Saved entries:
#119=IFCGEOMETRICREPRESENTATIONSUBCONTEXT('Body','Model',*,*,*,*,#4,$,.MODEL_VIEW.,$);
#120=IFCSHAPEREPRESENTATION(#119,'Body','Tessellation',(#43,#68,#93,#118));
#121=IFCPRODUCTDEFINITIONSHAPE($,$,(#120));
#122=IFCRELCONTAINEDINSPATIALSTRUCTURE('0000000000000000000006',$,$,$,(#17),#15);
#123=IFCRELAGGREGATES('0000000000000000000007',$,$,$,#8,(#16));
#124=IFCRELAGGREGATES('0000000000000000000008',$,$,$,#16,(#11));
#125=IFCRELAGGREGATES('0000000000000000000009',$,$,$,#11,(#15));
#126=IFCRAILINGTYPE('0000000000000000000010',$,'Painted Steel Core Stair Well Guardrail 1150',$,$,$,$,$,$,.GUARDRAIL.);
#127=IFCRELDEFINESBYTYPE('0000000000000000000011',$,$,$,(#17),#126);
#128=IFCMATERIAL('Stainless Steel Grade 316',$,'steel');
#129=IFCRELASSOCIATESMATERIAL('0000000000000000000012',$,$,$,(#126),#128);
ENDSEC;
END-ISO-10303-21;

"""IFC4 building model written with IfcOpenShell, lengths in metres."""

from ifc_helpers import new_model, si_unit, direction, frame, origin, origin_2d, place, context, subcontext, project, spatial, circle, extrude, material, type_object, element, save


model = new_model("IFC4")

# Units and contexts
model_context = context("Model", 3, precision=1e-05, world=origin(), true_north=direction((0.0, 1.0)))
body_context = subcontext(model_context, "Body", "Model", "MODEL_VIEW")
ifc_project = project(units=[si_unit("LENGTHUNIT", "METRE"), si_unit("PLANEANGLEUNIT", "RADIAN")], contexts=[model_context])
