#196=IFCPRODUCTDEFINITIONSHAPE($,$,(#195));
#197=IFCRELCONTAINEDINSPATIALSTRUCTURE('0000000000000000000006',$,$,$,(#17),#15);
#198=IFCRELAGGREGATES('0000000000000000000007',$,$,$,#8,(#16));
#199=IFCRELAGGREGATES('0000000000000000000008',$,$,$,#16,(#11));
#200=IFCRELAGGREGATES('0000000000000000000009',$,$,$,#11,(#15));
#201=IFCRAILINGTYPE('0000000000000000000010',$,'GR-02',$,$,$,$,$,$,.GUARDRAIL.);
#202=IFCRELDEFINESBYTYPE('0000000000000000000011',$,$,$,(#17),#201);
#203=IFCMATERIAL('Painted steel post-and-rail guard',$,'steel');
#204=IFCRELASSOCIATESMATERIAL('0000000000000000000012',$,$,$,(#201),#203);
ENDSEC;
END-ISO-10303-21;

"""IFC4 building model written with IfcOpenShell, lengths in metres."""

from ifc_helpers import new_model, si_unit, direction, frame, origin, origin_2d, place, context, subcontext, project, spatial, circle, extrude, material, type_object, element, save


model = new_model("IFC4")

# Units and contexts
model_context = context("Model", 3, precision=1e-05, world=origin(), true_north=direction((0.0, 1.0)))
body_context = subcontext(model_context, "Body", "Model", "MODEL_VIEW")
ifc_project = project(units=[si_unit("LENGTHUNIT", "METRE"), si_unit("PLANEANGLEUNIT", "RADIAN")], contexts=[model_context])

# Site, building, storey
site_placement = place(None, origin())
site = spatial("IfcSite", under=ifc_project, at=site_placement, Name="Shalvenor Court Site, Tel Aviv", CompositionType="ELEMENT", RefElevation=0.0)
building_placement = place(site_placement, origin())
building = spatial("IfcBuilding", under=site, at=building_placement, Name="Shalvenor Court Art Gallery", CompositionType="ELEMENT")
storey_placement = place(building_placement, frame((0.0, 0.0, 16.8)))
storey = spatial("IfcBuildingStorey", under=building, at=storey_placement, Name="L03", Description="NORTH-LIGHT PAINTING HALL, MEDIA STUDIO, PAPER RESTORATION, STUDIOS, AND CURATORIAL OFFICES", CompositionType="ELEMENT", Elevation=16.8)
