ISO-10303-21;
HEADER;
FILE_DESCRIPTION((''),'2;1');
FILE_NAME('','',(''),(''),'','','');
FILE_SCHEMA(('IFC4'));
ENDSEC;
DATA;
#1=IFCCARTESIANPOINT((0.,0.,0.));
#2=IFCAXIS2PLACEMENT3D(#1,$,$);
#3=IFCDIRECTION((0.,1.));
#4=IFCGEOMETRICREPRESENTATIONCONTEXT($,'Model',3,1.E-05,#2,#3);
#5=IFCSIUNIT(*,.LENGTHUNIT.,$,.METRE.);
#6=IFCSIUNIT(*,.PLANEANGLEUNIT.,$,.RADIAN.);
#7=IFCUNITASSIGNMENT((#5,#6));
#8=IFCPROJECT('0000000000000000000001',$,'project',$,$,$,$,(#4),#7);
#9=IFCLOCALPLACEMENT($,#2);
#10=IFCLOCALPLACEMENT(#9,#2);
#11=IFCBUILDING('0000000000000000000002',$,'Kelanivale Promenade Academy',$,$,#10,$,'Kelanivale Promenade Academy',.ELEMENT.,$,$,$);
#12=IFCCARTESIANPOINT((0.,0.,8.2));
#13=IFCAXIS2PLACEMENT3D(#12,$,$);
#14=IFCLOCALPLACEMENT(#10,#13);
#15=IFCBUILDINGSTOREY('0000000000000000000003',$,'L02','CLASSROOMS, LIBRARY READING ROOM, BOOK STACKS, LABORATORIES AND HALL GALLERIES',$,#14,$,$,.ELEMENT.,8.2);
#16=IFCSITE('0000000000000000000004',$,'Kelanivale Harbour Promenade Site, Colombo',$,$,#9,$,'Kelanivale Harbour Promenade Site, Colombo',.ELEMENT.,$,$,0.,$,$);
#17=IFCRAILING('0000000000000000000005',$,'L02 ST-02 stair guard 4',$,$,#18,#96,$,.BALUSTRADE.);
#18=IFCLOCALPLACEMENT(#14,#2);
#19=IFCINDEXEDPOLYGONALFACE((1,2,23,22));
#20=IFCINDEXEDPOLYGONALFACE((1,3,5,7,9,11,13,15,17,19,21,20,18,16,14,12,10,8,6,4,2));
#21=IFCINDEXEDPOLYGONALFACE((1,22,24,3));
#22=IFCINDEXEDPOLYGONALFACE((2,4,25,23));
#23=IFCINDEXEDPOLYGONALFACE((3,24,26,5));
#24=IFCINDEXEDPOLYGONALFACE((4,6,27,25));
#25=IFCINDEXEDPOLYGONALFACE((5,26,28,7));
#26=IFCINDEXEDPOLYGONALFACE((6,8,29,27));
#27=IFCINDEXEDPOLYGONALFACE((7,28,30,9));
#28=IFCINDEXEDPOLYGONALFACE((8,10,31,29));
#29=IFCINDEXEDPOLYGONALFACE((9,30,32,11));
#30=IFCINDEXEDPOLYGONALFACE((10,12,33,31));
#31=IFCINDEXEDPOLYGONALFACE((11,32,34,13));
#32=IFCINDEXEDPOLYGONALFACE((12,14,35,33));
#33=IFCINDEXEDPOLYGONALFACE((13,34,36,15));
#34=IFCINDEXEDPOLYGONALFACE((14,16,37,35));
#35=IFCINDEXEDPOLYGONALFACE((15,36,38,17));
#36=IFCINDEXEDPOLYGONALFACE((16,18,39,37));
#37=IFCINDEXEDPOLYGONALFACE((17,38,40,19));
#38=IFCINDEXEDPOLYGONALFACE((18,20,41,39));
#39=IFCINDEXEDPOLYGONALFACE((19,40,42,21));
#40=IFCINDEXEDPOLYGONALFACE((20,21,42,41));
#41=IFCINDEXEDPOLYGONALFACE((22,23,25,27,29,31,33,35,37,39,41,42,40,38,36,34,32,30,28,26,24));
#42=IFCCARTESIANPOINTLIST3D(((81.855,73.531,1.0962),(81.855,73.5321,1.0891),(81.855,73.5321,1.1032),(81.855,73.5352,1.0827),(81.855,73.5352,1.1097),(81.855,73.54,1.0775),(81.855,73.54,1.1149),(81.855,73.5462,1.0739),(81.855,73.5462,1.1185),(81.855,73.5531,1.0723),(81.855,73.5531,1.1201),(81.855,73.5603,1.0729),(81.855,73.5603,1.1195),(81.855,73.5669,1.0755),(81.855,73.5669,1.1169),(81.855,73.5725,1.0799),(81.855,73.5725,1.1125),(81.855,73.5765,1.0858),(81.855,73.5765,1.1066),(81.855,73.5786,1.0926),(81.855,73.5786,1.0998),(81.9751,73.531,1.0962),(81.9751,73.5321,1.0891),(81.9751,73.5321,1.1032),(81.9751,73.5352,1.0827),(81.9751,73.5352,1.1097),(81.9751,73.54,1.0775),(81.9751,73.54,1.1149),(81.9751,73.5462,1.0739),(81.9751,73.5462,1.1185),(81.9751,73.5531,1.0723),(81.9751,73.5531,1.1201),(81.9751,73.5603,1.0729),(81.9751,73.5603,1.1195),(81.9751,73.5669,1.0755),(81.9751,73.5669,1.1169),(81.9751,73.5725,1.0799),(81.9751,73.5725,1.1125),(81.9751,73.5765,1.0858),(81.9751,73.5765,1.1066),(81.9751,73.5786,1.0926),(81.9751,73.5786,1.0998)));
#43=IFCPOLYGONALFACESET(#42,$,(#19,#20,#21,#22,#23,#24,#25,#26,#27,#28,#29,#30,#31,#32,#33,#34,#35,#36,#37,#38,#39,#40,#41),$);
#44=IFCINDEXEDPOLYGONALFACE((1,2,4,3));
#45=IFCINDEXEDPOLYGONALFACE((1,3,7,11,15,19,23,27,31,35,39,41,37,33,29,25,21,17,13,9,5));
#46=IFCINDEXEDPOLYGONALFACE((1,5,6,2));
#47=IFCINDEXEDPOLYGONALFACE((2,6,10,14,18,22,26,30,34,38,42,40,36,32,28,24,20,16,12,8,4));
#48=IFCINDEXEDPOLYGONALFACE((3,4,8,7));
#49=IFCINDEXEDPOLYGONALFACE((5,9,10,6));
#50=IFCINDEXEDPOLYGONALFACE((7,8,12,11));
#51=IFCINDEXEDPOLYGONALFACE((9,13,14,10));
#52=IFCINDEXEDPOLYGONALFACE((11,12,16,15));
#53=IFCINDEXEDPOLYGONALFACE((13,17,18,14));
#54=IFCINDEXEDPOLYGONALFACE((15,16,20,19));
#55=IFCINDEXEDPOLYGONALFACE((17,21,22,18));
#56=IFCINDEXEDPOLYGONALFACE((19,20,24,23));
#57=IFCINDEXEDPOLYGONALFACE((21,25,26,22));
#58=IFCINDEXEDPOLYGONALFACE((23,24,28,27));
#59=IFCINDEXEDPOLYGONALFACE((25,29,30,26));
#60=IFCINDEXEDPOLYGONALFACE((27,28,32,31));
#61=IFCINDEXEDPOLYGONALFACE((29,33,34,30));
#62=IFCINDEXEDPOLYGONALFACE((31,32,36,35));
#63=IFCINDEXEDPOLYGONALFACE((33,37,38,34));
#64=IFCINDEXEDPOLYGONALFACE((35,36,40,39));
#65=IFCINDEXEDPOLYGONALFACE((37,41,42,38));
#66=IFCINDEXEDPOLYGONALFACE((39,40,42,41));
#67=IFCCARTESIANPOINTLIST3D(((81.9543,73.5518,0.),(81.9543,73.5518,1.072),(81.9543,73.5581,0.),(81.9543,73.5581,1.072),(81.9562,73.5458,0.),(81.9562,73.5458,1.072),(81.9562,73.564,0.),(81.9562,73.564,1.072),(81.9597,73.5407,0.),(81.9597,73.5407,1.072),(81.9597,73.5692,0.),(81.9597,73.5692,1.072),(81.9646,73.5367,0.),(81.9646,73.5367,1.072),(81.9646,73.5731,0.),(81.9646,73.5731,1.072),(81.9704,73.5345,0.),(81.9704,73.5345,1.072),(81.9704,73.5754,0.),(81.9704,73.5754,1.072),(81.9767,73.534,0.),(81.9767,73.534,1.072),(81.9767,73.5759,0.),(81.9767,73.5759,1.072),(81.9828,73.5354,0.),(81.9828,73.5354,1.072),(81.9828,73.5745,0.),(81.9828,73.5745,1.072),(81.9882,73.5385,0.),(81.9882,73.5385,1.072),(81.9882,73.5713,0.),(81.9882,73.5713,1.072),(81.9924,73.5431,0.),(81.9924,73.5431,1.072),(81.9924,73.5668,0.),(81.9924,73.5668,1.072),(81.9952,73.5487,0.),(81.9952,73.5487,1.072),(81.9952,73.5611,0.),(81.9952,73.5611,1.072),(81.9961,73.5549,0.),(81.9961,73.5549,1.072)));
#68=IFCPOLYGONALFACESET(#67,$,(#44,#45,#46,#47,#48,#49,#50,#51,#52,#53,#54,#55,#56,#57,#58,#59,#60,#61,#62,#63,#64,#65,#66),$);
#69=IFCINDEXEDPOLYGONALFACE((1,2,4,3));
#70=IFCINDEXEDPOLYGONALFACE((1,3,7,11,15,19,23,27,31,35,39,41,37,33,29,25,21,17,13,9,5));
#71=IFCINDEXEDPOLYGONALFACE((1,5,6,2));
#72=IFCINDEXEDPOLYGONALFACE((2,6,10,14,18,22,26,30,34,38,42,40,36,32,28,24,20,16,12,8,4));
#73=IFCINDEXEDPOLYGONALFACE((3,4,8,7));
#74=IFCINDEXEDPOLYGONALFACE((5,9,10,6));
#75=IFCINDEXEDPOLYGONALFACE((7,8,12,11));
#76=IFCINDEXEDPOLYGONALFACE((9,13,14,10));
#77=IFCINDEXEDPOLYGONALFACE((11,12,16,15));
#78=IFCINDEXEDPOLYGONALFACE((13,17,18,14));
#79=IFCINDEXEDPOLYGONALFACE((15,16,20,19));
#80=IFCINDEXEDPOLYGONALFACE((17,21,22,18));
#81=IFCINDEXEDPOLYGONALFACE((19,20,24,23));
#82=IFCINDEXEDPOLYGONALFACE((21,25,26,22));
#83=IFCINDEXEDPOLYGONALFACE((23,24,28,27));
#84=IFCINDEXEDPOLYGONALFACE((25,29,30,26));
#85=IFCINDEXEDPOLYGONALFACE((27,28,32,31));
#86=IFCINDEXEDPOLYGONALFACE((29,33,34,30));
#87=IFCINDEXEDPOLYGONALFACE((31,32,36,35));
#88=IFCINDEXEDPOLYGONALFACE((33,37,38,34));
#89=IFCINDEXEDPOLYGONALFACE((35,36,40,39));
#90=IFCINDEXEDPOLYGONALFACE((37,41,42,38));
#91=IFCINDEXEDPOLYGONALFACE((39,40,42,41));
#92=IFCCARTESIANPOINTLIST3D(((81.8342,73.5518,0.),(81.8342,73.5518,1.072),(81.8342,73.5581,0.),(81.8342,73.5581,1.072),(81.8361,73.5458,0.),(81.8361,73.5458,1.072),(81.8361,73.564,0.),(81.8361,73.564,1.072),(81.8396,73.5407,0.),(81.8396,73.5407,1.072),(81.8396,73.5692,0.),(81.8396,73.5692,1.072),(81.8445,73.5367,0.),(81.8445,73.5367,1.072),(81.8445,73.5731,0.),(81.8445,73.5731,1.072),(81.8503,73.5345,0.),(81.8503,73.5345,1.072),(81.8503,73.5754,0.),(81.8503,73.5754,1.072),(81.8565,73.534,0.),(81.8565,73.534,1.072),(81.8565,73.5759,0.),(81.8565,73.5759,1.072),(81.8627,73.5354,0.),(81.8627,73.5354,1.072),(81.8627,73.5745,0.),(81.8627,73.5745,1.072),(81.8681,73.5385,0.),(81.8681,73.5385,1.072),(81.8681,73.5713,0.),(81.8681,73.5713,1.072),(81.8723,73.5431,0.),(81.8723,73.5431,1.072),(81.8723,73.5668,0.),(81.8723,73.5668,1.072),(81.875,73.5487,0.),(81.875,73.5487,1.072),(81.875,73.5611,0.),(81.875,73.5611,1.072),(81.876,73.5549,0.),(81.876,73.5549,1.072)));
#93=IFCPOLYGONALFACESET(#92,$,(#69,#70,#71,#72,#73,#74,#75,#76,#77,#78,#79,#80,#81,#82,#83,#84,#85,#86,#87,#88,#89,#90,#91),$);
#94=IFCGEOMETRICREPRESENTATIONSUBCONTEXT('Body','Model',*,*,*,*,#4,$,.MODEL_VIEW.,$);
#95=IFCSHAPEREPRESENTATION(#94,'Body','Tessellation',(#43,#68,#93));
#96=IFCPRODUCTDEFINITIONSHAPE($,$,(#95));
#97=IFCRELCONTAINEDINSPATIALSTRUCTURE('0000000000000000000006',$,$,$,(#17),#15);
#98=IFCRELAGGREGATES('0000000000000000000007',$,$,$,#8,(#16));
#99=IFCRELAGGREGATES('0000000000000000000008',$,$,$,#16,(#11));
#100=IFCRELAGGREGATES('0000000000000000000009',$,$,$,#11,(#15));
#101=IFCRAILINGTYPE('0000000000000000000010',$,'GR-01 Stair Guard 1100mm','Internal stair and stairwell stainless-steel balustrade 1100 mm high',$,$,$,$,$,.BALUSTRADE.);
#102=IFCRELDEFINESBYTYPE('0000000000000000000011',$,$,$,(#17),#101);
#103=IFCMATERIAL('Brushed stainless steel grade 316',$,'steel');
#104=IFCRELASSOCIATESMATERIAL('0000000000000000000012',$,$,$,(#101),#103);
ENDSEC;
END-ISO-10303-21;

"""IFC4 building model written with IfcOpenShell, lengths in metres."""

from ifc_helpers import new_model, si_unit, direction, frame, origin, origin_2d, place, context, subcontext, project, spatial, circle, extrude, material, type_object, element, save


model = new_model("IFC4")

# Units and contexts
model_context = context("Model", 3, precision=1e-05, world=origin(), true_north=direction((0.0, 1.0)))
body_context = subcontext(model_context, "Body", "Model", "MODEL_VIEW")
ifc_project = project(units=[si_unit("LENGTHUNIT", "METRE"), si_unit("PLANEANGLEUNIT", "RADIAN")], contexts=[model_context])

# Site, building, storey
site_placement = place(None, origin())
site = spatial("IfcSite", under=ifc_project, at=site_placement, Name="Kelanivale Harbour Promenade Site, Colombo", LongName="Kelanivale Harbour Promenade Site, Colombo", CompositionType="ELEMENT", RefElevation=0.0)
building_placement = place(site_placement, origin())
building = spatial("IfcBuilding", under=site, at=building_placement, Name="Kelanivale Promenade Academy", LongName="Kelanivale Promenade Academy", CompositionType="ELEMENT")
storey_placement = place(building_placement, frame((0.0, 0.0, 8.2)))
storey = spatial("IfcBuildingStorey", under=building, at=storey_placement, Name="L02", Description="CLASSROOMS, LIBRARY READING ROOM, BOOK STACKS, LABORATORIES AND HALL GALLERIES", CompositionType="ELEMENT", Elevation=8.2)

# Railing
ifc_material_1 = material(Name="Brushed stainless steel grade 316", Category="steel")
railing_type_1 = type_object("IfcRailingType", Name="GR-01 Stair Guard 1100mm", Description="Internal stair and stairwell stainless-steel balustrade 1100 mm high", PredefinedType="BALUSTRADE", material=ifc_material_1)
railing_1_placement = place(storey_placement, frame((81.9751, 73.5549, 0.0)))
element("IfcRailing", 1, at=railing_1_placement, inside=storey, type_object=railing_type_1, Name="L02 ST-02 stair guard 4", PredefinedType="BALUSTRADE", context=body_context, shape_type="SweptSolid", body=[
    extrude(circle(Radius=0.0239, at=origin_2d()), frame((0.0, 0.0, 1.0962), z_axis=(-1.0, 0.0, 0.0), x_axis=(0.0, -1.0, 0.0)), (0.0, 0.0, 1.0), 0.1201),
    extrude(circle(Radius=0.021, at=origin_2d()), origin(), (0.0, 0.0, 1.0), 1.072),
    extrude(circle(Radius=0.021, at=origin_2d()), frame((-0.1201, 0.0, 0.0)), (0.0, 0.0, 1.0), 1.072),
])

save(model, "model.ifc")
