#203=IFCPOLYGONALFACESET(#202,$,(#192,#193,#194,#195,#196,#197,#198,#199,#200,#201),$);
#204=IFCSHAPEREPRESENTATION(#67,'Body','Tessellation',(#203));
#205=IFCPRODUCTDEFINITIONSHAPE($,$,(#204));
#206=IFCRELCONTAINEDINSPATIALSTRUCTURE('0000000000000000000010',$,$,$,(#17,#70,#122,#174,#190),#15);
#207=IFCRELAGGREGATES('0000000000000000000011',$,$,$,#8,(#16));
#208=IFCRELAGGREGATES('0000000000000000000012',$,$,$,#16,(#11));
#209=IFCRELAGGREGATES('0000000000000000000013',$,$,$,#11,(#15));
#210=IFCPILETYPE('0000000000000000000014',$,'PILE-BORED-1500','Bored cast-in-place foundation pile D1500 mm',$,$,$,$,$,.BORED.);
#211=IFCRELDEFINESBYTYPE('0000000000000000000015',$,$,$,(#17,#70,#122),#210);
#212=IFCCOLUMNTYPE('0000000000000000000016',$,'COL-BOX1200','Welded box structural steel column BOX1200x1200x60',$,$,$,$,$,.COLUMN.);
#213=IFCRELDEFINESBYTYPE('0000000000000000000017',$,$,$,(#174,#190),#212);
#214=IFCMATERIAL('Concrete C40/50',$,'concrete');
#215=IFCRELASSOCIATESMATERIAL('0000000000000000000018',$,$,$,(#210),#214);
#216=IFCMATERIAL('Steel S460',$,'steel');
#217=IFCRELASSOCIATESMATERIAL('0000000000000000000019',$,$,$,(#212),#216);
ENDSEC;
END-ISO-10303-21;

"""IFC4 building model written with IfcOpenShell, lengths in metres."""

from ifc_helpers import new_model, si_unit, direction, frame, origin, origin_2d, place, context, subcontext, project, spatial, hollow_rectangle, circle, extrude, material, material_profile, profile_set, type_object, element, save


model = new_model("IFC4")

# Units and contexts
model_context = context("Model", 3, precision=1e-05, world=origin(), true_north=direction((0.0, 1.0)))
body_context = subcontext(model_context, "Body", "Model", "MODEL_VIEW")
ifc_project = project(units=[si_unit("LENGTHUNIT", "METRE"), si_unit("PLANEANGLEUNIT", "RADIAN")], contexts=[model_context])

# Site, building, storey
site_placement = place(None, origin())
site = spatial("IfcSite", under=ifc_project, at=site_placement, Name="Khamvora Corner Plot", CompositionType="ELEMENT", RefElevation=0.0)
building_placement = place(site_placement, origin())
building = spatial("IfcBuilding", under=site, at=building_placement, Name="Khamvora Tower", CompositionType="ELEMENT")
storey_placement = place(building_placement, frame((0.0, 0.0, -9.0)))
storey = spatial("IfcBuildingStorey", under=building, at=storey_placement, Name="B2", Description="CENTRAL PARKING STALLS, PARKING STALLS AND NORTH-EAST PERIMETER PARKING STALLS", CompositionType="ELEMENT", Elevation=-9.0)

### TRY IT
From the records above, return each line that has the string "Shalvenor".

### RESULT OF THE EXERCISE
site = spatial("IfcSite", under=ifc_project, at=site_placement, Name="Shalvenor Court Site, Tel Aviv", CompositionType="ELEMENT", RefElevation=0.0)
building = spatial("IfcBuilding", under=site, at=building_placement, Name="Shalvenor Court Art Gallery", CompositionType="ELEMENT")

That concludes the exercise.